(The task)
Print, exactly as they appear in the listing below, the lines from the line with "#186=IFCRELAGGREGATES('0000000000000000000009',$,$,$,#16,(#11));" to the line with "#192=IFCMATERIAL('Stainless steel and", with both end lines kept.

(Stored data)
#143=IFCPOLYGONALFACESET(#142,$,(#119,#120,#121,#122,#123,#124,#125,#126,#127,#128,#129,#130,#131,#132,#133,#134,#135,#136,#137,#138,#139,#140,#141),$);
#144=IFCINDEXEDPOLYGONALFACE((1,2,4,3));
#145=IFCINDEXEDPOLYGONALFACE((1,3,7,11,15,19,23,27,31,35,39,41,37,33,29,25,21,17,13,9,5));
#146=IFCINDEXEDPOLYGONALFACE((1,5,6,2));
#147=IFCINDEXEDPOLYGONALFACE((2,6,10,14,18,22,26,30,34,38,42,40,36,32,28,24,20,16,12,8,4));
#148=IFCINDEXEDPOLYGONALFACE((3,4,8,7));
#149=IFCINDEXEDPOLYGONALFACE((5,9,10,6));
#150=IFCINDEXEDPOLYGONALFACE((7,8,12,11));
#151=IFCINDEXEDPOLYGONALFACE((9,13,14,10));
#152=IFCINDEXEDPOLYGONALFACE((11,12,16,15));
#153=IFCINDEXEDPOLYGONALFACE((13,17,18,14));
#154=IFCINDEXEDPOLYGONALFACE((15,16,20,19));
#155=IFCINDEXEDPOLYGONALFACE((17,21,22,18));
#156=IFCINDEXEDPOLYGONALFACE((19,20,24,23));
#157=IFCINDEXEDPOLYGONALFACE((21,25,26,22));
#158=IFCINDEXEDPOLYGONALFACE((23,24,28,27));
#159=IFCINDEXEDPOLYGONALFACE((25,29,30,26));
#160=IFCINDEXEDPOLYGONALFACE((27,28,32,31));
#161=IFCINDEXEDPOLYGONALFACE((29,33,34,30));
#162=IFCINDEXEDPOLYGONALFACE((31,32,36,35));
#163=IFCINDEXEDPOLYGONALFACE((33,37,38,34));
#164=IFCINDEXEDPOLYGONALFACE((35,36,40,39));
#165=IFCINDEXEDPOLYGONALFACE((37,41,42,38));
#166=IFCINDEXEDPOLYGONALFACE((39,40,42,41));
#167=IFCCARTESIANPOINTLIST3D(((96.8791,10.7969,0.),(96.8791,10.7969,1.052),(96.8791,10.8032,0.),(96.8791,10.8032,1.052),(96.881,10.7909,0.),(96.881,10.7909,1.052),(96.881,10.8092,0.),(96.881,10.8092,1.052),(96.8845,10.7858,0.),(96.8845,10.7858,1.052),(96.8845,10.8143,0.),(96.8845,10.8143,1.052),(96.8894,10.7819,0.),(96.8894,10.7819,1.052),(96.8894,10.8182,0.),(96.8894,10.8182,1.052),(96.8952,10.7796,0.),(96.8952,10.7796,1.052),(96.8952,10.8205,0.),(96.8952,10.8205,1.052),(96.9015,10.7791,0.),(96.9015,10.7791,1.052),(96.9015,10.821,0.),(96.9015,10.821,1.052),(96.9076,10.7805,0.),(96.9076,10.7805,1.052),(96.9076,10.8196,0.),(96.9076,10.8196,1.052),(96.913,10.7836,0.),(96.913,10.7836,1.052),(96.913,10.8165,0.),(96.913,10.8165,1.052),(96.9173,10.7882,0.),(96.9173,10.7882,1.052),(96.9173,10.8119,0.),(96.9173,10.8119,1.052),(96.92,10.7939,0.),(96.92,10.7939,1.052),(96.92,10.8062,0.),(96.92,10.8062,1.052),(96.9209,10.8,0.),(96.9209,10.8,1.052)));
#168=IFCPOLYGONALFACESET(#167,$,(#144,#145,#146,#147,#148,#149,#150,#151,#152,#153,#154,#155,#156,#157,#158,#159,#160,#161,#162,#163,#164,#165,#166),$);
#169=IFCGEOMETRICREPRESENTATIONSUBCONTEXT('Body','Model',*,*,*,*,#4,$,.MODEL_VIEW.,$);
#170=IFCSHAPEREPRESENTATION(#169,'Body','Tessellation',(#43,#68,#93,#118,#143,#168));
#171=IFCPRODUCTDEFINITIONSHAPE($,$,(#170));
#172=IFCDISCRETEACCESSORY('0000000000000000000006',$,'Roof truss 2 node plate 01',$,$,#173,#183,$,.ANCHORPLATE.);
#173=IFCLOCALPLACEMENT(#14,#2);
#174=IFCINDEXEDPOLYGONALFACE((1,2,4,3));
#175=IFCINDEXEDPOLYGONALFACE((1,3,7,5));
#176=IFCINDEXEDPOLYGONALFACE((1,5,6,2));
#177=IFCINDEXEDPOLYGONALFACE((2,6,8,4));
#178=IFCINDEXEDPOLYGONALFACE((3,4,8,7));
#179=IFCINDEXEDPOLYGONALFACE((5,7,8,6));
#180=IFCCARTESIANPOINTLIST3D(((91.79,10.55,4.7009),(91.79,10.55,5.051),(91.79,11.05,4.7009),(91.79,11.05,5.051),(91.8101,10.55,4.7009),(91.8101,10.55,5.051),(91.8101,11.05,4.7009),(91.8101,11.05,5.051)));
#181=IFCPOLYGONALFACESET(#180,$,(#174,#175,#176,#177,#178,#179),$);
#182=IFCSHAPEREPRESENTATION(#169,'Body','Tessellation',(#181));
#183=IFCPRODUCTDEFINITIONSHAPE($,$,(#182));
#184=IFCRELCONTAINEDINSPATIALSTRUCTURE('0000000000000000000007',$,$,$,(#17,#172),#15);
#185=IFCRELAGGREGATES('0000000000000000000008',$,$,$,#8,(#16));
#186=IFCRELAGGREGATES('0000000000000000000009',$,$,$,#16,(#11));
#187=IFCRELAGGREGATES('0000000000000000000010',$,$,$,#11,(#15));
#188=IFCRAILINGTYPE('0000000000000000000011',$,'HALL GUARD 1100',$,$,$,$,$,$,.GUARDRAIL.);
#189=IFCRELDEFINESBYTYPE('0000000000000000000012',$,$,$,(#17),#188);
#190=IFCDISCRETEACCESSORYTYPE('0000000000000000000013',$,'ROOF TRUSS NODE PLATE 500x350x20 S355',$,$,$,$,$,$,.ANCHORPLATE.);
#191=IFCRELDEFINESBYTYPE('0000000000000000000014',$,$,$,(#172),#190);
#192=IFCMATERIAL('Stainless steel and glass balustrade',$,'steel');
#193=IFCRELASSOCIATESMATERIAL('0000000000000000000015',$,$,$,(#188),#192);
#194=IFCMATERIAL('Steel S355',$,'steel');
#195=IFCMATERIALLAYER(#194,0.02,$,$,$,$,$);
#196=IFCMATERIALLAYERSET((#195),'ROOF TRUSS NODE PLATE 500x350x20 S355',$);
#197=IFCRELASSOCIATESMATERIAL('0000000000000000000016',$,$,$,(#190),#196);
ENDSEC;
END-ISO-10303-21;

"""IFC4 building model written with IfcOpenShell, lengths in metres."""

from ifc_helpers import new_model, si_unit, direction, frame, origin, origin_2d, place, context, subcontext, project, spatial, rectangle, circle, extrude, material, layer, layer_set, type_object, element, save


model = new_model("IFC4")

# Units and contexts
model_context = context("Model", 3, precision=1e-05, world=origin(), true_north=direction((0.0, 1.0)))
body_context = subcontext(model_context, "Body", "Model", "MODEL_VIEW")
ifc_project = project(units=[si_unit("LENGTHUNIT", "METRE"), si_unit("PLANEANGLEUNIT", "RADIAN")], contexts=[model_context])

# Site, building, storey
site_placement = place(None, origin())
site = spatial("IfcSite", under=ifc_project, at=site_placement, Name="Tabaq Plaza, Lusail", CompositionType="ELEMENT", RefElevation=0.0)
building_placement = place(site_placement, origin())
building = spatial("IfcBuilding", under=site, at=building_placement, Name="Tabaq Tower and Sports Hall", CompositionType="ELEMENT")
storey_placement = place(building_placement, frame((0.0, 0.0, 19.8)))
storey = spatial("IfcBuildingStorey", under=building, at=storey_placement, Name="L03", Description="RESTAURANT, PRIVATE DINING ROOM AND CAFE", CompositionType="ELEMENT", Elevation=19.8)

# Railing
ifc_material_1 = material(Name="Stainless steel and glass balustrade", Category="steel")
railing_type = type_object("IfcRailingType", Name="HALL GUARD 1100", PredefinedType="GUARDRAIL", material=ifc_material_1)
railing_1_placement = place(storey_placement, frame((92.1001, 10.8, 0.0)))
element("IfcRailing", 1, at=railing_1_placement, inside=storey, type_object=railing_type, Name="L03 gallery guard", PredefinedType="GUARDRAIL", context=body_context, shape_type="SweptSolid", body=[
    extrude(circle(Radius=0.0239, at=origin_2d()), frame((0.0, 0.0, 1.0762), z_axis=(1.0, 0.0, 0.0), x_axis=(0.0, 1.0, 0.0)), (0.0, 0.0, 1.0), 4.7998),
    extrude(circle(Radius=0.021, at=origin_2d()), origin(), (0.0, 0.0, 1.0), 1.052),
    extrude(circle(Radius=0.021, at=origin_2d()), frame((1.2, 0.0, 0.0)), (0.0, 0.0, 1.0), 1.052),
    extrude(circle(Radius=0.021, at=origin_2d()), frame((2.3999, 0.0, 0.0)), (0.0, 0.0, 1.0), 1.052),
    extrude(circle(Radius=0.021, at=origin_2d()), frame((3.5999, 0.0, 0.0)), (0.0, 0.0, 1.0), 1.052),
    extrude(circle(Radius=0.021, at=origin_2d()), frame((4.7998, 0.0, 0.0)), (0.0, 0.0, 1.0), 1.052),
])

(Response to this exercise)
#186=IFCRELAGGREGATES('0000000000000000000009',$,$,$,#16,(#11));
#187=IFCRELAGGREGATES('0000000000000000000010',$,$,$,#11,(#15));
#188=IFCRAILINGTYPE('0000000000000000000011',$,'HALL GUARD 1100',$,$,$,$,$,$,.GUARDRAIL.);
#189=IFCRELDEFINESBYTYPE('0000000000000000000012',$,$,$,(#17),#188);
#190=IFCDISCRETEACCESSORYTYPE('0000000000000000000013',$,'ROOF TRUSS NODE PLATE 500x350x20 S355',$,$,$,$,$,$,.ANCHORPLATE.);
#191=IFCRELDEFINESBYTYPE('0000000000000000000014',$,$,$,(#172),#190);
#192=IFCMATERIAL('Stainless steel and glass balustrade',$,'steel');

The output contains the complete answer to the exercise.